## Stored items
-- -- --
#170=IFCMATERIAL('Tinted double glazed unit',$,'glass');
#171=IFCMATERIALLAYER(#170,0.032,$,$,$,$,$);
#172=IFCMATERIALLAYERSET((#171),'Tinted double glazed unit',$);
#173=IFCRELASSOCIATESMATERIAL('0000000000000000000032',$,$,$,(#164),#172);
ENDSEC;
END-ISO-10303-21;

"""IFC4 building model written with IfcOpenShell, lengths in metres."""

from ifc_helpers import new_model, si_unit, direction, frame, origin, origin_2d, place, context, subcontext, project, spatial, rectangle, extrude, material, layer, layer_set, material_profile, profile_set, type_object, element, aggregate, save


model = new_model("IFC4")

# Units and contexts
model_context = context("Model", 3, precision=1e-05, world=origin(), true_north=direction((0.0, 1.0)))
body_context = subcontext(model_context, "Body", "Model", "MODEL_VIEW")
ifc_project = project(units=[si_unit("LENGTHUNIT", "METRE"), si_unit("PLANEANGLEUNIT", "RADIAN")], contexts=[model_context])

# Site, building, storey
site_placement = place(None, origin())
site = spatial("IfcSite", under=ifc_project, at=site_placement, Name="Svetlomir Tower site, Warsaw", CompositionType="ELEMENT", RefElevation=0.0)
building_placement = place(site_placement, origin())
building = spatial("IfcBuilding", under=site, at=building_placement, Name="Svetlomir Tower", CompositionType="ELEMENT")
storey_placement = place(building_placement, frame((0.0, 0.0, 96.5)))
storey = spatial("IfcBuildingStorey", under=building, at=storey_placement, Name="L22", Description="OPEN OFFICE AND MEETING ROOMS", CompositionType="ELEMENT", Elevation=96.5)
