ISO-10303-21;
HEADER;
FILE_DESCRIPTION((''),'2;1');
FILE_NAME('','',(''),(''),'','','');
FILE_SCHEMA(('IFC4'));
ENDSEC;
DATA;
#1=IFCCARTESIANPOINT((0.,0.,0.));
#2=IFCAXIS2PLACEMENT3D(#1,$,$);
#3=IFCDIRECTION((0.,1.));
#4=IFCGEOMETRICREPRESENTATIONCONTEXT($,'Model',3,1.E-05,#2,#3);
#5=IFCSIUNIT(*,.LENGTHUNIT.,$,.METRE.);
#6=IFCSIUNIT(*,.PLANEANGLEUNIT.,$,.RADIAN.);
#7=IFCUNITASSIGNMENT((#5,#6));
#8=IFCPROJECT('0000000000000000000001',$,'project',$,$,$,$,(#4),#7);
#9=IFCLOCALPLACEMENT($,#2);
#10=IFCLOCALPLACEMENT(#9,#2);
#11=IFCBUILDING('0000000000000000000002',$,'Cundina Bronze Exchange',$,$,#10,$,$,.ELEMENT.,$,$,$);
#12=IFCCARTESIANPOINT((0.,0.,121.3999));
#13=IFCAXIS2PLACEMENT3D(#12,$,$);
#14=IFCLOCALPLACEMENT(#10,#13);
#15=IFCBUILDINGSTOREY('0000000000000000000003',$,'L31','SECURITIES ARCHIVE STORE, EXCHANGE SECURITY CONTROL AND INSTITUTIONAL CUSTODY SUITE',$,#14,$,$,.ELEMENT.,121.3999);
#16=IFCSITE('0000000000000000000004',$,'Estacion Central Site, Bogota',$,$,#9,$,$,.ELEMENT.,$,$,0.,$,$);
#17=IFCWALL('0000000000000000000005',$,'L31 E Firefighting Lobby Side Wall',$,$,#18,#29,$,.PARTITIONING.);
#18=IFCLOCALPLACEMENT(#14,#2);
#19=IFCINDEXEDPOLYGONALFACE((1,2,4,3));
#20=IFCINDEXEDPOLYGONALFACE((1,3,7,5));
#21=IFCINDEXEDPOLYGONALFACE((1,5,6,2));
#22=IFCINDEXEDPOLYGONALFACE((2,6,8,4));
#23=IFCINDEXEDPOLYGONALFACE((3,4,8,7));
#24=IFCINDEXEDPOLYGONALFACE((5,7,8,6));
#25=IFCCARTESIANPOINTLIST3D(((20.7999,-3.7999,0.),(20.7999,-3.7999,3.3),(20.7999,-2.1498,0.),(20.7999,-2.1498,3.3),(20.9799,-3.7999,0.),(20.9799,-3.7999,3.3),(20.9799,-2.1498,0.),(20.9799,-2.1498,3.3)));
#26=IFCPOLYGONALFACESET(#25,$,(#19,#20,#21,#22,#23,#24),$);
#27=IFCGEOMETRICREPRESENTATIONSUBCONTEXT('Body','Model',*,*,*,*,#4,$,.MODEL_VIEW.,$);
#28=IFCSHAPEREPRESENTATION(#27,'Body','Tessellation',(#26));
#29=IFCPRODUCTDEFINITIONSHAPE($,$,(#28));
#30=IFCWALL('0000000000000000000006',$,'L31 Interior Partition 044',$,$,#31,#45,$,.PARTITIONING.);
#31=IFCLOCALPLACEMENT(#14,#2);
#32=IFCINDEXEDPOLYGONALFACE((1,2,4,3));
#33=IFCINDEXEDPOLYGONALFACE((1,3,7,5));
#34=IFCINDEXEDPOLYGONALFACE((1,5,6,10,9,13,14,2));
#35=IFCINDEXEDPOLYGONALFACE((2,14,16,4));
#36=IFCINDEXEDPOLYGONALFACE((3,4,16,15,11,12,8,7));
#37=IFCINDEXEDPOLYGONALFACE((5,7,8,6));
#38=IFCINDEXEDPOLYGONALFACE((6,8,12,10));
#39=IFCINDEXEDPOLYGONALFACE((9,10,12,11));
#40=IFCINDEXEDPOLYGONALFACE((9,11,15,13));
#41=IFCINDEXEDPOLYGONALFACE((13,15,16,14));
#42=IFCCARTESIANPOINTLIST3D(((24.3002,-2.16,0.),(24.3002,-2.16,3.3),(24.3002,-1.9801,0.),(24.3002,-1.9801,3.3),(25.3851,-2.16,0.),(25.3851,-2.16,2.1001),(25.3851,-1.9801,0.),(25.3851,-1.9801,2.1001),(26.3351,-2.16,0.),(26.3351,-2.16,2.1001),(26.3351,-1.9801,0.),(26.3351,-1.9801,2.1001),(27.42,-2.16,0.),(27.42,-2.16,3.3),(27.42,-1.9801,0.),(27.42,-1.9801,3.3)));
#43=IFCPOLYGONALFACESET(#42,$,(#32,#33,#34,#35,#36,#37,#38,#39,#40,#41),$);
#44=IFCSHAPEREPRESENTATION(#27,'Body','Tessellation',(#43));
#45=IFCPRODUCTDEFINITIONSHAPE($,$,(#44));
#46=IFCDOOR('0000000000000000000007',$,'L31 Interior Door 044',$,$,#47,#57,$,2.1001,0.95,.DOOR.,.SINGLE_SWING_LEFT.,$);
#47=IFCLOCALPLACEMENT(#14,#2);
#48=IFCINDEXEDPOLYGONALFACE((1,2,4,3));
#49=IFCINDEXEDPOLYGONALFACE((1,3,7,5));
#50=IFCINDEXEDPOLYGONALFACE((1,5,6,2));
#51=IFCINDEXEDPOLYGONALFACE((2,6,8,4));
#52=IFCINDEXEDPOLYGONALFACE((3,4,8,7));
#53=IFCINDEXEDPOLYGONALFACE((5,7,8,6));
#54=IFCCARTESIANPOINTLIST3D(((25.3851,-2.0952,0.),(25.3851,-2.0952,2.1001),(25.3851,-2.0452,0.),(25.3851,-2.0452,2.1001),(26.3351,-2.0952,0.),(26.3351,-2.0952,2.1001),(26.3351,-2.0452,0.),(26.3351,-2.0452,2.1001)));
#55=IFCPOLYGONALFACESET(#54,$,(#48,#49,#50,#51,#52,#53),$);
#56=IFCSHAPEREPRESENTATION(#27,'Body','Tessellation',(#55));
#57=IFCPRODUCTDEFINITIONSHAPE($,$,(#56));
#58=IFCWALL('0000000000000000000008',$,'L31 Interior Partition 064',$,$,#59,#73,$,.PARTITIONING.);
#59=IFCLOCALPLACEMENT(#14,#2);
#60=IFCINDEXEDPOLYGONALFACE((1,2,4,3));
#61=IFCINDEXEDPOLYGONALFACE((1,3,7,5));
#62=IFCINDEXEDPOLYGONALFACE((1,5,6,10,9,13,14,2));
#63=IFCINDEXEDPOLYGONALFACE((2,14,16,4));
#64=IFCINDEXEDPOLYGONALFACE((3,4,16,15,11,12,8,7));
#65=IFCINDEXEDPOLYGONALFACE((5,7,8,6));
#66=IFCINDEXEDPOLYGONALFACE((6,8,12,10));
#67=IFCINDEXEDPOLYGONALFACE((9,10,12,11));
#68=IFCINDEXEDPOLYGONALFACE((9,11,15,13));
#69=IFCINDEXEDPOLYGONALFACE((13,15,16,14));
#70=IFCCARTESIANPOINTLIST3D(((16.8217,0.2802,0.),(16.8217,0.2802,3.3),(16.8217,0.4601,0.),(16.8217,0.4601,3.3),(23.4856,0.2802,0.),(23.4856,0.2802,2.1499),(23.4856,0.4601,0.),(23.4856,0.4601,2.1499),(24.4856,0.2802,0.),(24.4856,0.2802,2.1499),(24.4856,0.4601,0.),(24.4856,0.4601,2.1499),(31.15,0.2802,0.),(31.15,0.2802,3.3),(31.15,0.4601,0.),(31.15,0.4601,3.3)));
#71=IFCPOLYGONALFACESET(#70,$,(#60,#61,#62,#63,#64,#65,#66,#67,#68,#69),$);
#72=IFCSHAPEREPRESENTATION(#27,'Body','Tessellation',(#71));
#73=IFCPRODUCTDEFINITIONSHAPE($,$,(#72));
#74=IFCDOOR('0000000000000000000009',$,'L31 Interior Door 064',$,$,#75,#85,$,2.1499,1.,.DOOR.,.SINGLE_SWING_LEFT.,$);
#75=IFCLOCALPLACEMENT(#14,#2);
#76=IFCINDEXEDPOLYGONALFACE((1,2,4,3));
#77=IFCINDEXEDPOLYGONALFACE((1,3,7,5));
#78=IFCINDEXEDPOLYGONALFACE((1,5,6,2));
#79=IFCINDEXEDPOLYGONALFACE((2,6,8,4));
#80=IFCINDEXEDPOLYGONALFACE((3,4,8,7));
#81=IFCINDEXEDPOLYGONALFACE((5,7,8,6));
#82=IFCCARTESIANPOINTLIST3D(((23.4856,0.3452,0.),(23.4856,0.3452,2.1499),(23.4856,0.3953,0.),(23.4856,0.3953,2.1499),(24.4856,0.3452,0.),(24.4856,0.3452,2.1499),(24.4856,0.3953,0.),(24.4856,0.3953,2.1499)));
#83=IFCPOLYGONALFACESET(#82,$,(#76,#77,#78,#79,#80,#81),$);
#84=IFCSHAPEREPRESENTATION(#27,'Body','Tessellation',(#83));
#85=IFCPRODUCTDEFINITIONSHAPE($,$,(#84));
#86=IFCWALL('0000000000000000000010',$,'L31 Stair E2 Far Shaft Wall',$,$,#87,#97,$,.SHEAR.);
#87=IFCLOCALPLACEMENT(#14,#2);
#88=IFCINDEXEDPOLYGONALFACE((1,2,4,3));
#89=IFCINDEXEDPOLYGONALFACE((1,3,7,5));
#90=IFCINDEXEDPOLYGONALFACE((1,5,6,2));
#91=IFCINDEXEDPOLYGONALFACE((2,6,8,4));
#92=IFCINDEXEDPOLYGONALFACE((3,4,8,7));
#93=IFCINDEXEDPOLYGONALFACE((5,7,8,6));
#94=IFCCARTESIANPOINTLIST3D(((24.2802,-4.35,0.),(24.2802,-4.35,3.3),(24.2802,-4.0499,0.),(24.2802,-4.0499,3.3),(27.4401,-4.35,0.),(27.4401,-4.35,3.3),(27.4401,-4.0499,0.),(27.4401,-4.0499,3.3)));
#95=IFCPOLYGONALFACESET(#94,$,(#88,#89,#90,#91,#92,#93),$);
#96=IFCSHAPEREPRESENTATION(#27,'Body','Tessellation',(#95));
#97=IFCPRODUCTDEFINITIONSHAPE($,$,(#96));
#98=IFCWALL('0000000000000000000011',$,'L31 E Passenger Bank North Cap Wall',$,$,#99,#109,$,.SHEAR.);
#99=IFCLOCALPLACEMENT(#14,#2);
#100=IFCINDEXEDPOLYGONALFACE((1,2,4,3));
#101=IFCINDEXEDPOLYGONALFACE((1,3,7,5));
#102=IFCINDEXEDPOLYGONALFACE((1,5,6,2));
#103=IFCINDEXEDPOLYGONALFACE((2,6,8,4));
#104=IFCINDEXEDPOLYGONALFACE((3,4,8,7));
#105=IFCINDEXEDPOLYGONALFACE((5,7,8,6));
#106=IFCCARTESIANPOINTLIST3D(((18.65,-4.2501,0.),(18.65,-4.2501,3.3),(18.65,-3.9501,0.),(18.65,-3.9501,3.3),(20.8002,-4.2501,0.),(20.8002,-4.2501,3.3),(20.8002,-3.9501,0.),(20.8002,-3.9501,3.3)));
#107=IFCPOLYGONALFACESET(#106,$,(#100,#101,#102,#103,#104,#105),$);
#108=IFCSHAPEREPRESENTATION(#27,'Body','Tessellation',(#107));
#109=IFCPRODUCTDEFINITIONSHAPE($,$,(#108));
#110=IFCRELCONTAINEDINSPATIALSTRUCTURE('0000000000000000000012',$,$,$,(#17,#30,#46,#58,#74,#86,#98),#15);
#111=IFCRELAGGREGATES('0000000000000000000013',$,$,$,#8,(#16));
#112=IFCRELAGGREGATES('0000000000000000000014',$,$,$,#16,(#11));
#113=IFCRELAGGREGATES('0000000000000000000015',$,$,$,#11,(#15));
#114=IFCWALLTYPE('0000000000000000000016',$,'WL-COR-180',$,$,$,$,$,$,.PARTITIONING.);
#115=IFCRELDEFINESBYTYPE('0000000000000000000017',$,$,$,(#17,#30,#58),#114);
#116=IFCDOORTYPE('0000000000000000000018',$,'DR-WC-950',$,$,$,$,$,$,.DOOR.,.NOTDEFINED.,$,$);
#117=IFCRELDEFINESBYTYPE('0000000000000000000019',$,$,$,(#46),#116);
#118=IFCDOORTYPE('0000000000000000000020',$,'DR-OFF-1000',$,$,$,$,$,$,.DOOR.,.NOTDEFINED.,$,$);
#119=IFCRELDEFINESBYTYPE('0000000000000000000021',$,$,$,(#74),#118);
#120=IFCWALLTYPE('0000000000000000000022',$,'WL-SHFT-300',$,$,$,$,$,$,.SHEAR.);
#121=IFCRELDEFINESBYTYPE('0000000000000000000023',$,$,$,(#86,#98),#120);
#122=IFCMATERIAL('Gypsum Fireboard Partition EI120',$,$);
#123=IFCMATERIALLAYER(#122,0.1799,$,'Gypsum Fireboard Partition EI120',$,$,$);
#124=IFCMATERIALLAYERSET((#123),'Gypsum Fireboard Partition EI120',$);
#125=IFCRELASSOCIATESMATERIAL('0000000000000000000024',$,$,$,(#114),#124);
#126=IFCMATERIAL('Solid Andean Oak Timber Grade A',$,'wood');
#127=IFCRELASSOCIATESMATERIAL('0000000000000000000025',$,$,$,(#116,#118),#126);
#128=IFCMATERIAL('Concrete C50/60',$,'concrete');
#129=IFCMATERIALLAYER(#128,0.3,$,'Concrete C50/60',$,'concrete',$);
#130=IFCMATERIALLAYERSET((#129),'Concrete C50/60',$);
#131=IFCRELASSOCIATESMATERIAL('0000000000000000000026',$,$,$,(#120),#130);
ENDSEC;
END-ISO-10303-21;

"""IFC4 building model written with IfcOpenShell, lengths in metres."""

from ifc_helpers import new_model, si_unit, direction, frame, frame_2d, origin, place, context, subcontext, project, spatial, rectangle, extrude, material, layer, layer_set, type_object, element, fill, save


model = new_model("IFC4")

# Units and contexts
model_context = context("Model", 3, precision=1e-05, world=origin(), true_north=direction((0.0, 1.0)))
body_context = subcontext(model_context, "Body", "Model", "MODEL_VIEW")
ifc_project = project(units=[si_unit("LENGTHUNIT", "METRE"), si_unit("PLANEANGLEUNIT", "RADIAN")], contexts=[model_context])

# Site, building, storey
site_placement = place(None, origin())
site = spatial("IfcSite", under=ifc_project, at=site_placement, Name="Estacion Central Site, Bogota", CompositionType="ELEMENT", RefElevation=0.0)
building_placement = place(site_placement, origin())
building = spatial("IfcBuilding", under=site, at=building_placement, Name="Cundina Bronze Exchange", CompositionType="ELEMENT")
storey_placement = place(building_placement, frame((0.0, 0.0, 121.3999)))
storey = spatial("IfcBuildingStorey", under=building, at=storey_placement, Name="L31", Description="SECURITIES ARCHIVE STORE, EXCHANGE SECURITY CONTROL AND INSTITUTIONAL CUSTODY SUITE", CompositionType="ELEMENT", Elevation=121.3999)

# Wall
ifc_material_1 = material(Name="Gypsum Fireboard Partition EI120")
ifc_layer_1 = layer(ifc_material_1, 0.1799, Name="Gypsum Fireboard Partition EI120")
ifc_layer_set_1 = layer_set([ifc_layer_1], Name="Gypsum Fireboard Partition EI120")
wall_type_1 = type_object("IfcWallType", Name="WL-COR-180", PredefinedType="PARTITIONING", material=ifc_layer_set_1)
wall_1_placement = place(storey_placement, frame((20.8899, -3.8, 0.0), z_axis=(0.0, 0.0, 1.0), x_axis=(0.0, 1.0, 0.0)))
element("IfcWall", 1, at=wall_1_placement, inside=storey, type_object=wall_type_1, Name="L31 E Firefighting Lobby Side Wall", PredefinedType="PARTITIONING", context=body_context, shape_type="SweptSolid", body=[
    extrude(rectangle(XDim=1.6501, YDim=0.1799, at=frame_2d((0.8252, 0.0))), origin(), (0.0, 0.0, 1.0), 3.3),
])

# Walls, openings, doors
wall_2_placement = place(storey_placement, frame((24.3, -2.0701, 0.0), z_axis=(0.0, 0.0, 1.0), x_axis=(1.0, 0.0, 0.0)))
wall_2 = element("IfcWall", 2, at=wall_2_placement, inside=storey, type_object=wall_type_1, Name="L31 Interior Partition 044", PredefinedType="PARTITIONING", context=body_context, shape_type="SweptSolid", body=[
    extrude(rectangle(XDim=3.1199, YDim=0.1799, at=frame_2d((1.5601, 0.0))), origin(), (0.0, 0.0, 1.0), 3.3),
])
opening_1_placement = place(wall_2_placement, frame((1.085, 0.0, 0.0)))
opening_1 = element("IfcOpeningElement", 3, at=opening_1_placement, cuts=wall_2, PredefinedType="OPENING", context=body_context, shape_type="SweptSolid", body=[
    extrude(rectangle(XDim=0.95, YDim=2.1001, at=frame_2d((0.4751, 1.05))), frame((0.0, 0.0999, 0.0), z_axis=(0.0, -1.0, 0.0), x_axis=(1.0, 0.0, 0.0)), (0.0, 0.0, 1.0), 0.2),
])
ifc_material_2 = material(Name="Solid Andean Oak Timber Grade A", Category="wood")
door_type_1 = type_object("IfcDoorType", Name="DR-WC-950", OperationType="NOTDEFINED", PredefinedType="DOOR", material=ifc_material_2)
door_1_placement = place(opening_1_placement, origin())
door_1 = element("IfcDoor", 4, at=door_1_placement, inside=storey, type_object=door_type_1, Name="L31 Interior Door 044", OperationType="SINGLE_SWING_LEFT", OverallHeight=2.1001, OverallWidth=0.95, PredefinedType="DOOR", context=body_context, shape_type="SweptSolid", body=[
-- -- --
## WHAT YOU HAVE TO DO
What is the number of lines in the data above that include the word "Tessellation"? Answer with that number only.

## RESPONSE TO THIS TASK
7